→ Work task
Filter the lines below, keeping each one that holds "Podium".

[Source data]
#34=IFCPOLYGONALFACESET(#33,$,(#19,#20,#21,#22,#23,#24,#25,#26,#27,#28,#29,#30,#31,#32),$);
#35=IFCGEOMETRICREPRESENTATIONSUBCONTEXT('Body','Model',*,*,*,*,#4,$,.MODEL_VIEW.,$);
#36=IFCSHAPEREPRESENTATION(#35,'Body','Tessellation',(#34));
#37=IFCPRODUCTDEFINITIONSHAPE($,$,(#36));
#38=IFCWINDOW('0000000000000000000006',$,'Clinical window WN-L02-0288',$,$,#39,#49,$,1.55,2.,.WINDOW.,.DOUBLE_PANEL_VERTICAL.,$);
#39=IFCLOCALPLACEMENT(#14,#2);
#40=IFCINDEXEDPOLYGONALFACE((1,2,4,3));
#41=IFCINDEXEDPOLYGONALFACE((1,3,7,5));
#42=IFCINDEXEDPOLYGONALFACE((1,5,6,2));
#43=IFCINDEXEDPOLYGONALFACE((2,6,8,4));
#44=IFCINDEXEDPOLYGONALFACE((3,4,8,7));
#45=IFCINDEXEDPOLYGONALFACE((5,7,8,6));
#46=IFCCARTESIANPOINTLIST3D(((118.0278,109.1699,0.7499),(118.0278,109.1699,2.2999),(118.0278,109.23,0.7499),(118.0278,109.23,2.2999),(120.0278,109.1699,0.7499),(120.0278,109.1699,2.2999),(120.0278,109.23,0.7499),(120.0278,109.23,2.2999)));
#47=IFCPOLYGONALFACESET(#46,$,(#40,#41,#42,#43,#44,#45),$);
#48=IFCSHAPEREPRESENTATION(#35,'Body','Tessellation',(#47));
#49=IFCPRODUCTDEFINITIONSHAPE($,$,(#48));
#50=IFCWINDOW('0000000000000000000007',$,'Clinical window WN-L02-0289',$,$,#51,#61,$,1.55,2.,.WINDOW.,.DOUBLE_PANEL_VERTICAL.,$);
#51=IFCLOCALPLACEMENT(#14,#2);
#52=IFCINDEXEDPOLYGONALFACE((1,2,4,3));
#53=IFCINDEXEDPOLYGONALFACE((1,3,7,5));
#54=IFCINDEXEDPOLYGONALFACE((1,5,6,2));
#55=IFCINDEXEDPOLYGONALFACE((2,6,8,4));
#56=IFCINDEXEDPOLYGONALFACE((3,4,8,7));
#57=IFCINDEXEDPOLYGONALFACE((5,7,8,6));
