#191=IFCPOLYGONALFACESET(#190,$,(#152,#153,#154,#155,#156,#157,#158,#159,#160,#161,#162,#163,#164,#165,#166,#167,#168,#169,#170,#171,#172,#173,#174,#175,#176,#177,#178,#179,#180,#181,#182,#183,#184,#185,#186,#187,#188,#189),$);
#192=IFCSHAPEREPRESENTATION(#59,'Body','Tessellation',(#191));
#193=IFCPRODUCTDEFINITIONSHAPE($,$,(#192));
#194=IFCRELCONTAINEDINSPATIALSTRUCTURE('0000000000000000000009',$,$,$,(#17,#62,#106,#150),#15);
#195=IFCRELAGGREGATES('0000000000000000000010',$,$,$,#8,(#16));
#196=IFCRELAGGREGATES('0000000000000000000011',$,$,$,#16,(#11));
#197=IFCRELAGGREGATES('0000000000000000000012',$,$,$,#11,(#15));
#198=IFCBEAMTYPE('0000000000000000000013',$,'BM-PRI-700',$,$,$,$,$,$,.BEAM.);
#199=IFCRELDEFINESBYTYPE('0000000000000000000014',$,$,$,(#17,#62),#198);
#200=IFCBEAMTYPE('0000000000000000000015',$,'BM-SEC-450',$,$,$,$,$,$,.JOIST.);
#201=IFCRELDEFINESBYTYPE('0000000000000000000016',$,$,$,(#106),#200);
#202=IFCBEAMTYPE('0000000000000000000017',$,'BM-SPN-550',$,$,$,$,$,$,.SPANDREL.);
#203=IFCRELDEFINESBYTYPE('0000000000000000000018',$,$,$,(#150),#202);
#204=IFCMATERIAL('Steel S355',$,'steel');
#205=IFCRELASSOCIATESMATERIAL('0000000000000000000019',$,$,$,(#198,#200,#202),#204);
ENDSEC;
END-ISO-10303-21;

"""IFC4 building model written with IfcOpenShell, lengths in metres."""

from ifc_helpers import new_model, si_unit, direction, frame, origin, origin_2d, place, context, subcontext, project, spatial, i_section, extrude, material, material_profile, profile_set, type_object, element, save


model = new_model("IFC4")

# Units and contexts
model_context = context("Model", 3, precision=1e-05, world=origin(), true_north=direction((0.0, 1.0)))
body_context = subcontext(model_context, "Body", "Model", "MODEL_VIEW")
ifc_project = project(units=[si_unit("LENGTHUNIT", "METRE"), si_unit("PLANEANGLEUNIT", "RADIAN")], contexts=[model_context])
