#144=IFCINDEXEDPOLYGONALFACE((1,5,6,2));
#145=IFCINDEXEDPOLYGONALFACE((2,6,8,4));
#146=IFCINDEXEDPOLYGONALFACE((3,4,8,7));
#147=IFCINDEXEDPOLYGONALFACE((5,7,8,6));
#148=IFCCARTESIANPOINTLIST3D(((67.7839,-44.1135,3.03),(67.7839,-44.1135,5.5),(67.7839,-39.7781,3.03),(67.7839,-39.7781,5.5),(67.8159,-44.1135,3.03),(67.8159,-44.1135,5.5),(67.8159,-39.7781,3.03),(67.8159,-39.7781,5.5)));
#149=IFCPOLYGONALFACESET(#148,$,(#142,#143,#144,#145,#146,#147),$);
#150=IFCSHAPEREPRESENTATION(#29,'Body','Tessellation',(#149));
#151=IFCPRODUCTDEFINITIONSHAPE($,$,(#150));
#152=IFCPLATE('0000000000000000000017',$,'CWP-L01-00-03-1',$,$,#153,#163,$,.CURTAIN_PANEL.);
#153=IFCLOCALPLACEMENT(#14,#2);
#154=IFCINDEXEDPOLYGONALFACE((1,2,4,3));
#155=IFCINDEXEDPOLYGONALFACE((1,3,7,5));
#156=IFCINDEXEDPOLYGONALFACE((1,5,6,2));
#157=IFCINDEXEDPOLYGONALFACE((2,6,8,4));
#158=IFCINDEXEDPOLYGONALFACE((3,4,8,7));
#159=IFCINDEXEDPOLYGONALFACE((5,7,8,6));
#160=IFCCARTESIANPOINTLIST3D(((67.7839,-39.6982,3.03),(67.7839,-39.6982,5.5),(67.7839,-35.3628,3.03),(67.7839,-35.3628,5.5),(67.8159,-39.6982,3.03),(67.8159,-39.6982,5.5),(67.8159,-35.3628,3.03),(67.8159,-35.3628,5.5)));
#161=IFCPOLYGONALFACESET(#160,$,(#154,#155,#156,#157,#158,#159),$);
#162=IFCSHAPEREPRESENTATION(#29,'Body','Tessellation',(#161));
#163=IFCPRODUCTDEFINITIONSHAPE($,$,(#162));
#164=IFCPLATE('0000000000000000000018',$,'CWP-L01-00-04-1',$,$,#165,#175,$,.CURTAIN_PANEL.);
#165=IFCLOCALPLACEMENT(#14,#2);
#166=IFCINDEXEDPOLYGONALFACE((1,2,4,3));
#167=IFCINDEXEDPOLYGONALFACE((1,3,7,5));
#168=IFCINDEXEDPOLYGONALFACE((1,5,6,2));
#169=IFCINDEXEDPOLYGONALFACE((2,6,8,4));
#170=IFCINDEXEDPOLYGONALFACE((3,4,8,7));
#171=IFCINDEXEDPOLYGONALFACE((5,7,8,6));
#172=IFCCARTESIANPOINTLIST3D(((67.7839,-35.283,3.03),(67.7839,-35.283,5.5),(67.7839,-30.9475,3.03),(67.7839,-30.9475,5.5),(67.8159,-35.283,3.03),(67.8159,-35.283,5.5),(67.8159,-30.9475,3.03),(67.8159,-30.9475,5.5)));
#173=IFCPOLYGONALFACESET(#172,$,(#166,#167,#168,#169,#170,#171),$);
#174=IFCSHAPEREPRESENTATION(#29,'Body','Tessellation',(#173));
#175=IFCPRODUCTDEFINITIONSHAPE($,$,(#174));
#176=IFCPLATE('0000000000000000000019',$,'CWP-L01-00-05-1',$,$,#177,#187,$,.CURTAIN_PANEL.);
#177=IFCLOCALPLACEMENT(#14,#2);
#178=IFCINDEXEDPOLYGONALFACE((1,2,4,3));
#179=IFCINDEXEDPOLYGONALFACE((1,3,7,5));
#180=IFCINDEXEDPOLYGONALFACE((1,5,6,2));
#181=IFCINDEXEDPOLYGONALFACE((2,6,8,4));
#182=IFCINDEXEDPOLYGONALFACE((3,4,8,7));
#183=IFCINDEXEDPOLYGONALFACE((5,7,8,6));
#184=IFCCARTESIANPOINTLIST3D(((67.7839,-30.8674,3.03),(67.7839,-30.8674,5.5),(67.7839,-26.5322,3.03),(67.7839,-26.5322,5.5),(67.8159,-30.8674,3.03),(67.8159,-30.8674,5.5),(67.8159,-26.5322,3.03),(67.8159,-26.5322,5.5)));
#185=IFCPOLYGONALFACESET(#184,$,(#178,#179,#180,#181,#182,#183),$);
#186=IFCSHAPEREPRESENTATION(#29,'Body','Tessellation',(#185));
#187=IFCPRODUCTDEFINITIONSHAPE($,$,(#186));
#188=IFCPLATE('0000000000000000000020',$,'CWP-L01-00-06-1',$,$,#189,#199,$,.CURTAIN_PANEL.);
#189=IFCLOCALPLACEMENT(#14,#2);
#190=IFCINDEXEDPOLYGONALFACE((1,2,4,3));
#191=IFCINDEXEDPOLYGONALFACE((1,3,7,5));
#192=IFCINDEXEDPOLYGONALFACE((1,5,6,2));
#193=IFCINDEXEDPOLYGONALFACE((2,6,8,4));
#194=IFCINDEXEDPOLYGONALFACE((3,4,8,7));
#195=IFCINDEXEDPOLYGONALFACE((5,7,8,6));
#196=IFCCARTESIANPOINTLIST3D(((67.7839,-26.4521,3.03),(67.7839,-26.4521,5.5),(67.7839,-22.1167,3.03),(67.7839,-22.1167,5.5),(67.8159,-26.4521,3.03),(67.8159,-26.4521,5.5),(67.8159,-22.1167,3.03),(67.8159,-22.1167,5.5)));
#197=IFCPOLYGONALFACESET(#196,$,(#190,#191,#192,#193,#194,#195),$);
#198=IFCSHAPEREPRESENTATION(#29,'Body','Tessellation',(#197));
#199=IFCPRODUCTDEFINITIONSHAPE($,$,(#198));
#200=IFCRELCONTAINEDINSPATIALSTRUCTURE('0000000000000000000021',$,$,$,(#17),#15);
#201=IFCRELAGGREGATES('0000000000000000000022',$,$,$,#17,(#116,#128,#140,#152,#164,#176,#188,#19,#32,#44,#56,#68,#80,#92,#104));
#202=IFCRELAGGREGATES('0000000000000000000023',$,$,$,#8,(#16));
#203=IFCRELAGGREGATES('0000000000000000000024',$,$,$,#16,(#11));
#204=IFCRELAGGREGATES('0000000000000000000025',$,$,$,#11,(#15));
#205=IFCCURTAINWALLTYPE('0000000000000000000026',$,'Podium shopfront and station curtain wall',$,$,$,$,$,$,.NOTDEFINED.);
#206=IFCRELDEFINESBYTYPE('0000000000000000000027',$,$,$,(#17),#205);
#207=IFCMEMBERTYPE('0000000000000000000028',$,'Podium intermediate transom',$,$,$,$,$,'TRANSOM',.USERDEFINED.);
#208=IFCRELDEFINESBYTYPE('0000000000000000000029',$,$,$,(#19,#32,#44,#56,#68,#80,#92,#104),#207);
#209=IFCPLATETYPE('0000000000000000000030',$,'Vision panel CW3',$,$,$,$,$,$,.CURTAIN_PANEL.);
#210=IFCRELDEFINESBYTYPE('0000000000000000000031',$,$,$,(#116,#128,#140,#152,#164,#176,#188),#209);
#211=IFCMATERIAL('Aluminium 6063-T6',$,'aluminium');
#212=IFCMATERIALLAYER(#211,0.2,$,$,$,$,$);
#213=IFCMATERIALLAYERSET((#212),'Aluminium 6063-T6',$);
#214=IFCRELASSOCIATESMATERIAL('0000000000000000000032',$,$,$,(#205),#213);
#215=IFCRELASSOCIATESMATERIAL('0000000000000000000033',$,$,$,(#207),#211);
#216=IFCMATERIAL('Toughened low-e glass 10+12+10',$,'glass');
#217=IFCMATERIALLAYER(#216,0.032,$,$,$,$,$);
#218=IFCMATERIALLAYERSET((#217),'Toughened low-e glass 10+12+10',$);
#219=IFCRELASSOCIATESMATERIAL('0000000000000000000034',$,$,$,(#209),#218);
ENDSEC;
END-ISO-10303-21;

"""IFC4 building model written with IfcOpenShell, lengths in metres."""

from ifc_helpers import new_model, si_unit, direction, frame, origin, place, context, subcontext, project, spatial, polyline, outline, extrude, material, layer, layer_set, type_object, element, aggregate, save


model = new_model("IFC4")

→ Final answer
#205=IFCCURTAINWALLTYPE('0000000000000000000026',$,'Podium shopfront and station curtain wall',$,$,$,$,$,$,.NOTDEFINED.);
#207=IFCMEMBERTYPE('0000000000000000000028',$,'Podium intermediate transom',$,$,$,$,$,'TRANSOM',.USERDEFINED.);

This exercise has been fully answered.